## TASK INSTRUCTIONS
Repeat, exactly as written, the lines of the records below from the first through the line with "#99=IFCINDEXEDPOLYGONALFACE((21,23,24,22));", but none past it.

[Saved entries]

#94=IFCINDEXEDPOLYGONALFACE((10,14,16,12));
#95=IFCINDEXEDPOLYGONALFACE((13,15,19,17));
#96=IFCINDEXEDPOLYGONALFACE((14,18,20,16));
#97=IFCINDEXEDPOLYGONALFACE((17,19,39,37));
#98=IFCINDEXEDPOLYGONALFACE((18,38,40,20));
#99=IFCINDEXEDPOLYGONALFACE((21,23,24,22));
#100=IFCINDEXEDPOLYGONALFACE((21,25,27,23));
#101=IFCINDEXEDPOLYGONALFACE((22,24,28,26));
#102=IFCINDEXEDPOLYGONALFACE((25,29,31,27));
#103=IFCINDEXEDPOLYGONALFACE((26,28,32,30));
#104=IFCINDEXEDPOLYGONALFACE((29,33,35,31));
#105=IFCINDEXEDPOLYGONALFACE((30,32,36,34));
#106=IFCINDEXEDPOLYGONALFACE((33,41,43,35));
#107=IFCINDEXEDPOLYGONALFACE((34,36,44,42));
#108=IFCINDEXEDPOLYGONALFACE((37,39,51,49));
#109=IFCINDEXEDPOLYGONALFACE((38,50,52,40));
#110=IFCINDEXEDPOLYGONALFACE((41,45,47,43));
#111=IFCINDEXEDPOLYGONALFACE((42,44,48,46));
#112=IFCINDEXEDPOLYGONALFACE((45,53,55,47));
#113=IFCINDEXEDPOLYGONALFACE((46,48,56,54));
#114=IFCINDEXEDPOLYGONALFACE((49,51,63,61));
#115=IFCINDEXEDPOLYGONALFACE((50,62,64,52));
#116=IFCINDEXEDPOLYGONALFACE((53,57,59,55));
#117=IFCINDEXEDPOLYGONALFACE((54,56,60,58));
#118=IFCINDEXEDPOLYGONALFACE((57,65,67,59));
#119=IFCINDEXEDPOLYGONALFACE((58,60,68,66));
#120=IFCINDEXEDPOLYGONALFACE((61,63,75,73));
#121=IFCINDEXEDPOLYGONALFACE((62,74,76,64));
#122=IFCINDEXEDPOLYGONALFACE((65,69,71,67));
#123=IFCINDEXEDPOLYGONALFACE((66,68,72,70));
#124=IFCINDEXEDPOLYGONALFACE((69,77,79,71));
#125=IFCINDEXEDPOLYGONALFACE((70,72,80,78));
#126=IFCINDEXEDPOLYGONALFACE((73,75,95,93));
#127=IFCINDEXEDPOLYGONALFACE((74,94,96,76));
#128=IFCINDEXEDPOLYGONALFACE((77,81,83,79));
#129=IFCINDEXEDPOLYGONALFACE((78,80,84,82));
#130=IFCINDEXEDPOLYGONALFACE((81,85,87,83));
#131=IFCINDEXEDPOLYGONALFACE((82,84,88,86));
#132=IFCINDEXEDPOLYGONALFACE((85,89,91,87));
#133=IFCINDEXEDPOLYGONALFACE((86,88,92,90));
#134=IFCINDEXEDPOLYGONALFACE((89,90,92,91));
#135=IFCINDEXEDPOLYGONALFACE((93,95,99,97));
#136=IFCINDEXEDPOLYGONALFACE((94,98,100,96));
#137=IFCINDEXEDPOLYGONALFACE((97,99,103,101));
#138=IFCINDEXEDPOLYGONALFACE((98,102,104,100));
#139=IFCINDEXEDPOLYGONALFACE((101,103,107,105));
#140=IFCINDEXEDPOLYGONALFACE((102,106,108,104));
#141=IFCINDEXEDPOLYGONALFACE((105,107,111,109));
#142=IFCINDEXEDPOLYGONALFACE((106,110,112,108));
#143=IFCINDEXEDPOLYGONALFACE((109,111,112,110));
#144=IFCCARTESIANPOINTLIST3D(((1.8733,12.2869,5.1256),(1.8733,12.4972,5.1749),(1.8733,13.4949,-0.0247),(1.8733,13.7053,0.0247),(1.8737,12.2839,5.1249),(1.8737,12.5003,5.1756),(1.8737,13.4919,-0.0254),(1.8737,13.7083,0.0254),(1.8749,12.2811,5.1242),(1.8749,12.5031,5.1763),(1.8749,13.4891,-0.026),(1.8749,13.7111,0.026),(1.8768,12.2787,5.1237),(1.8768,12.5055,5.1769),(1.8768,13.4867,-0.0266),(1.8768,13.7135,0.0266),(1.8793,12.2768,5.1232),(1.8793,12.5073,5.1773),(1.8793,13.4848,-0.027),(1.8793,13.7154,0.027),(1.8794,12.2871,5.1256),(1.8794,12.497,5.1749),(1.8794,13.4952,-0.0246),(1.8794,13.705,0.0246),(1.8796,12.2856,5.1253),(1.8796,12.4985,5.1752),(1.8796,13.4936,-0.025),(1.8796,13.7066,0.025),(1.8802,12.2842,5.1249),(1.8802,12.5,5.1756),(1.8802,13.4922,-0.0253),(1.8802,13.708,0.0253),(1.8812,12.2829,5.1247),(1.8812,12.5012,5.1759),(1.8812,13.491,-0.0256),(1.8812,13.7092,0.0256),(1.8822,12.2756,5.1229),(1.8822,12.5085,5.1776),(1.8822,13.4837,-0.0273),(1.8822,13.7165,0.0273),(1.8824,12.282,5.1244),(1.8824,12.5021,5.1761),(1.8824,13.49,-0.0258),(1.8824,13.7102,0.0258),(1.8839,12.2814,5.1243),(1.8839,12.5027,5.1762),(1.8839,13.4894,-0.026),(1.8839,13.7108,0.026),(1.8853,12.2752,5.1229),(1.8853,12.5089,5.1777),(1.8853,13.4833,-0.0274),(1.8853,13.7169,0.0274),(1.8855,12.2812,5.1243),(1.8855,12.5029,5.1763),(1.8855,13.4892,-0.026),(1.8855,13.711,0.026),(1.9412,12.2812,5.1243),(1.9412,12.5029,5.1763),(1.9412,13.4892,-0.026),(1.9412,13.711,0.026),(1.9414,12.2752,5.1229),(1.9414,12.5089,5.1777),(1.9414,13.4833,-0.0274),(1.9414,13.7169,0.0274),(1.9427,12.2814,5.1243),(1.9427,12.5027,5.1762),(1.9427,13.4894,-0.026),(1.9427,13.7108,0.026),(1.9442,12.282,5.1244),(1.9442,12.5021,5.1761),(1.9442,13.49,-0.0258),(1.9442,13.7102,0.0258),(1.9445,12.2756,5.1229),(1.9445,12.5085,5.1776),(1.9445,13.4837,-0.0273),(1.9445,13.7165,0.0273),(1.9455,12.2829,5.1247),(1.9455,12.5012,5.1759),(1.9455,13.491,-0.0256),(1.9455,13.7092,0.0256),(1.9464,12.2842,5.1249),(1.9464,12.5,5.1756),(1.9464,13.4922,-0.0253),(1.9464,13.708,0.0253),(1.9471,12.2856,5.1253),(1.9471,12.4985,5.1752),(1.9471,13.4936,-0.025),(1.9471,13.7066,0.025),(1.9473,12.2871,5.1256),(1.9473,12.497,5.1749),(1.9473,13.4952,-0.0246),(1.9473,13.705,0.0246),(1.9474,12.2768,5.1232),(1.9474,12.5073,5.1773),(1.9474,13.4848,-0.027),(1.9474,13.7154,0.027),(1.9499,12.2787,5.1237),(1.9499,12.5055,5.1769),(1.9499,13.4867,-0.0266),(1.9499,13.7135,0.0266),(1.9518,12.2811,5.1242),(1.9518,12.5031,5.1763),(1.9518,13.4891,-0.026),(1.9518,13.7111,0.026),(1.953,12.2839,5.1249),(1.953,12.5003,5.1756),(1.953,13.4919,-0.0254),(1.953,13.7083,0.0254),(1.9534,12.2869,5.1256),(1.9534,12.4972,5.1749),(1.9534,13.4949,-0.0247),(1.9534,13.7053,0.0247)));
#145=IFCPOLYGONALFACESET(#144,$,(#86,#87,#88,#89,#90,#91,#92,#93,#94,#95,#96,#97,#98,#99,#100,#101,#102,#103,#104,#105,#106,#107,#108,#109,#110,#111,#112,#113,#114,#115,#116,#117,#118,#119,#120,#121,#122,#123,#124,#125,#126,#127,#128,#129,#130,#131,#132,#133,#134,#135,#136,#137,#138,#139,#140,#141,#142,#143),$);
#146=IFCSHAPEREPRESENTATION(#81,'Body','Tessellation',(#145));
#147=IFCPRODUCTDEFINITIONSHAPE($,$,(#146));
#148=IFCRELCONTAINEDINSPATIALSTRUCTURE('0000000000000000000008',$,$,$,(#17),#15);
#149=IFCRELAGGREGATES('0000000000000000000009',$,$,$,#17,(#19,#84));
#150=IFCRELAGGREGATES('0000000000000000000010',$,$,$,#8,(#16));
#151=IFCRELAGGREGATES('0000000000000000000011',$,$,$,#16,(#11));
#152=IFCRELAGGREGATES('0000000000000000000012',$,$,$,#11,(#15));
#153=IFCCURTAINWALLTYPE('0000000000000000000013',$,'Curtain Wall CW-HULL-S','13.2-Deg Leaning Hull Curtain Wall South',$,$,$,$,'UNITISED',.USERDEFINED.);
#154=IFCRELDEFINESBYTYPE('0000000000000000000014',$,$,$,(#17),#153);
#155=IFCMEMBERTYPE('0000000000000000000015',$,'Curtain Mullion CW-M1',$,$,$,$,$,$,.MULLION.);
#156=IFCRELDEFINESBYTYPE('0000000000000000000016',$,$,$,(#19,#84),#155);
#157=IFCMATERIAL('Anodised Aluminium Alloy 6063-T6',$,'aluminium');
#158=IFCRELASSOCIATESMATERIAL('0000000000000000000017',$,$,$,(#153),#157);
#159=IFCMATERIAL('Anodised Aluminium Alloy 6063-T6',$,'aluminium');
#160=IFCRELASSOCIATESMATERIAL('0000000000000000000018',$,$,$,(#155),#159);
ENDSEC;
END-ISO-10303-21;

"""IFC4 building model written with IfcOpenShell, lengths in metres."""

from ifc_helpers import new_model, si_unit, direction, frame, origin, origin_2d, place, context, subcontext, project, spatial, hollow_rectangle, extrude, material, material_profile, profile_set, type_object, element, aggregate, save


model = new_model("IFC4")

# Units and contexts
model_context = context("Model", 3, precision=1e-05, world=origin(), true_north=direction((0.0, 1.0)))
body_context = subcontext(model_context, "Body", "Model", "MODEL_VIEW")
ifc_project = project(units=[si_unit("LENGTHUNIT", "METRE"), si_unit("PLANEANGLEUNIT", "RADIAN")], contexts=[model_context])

## EXPECTED OUTPUT
#94=IFCINDEXEDPOLYGONALFACE((10,14,16,12));
#95=IFCINDEXEDPOLYGONALFACE((13,15,19,17));
#96=IFCINDEXEDPOLYGONALFACE((14,18,20,16));
#97=IFCINDEXEDPOLYGONALFACE((17,19,39,37));
#98=IFCINDEXEDPOLYGONALFACE((18,38,40,20));
#99=IFCINDEXEDPOLYGONALFACE((21,23,24,22));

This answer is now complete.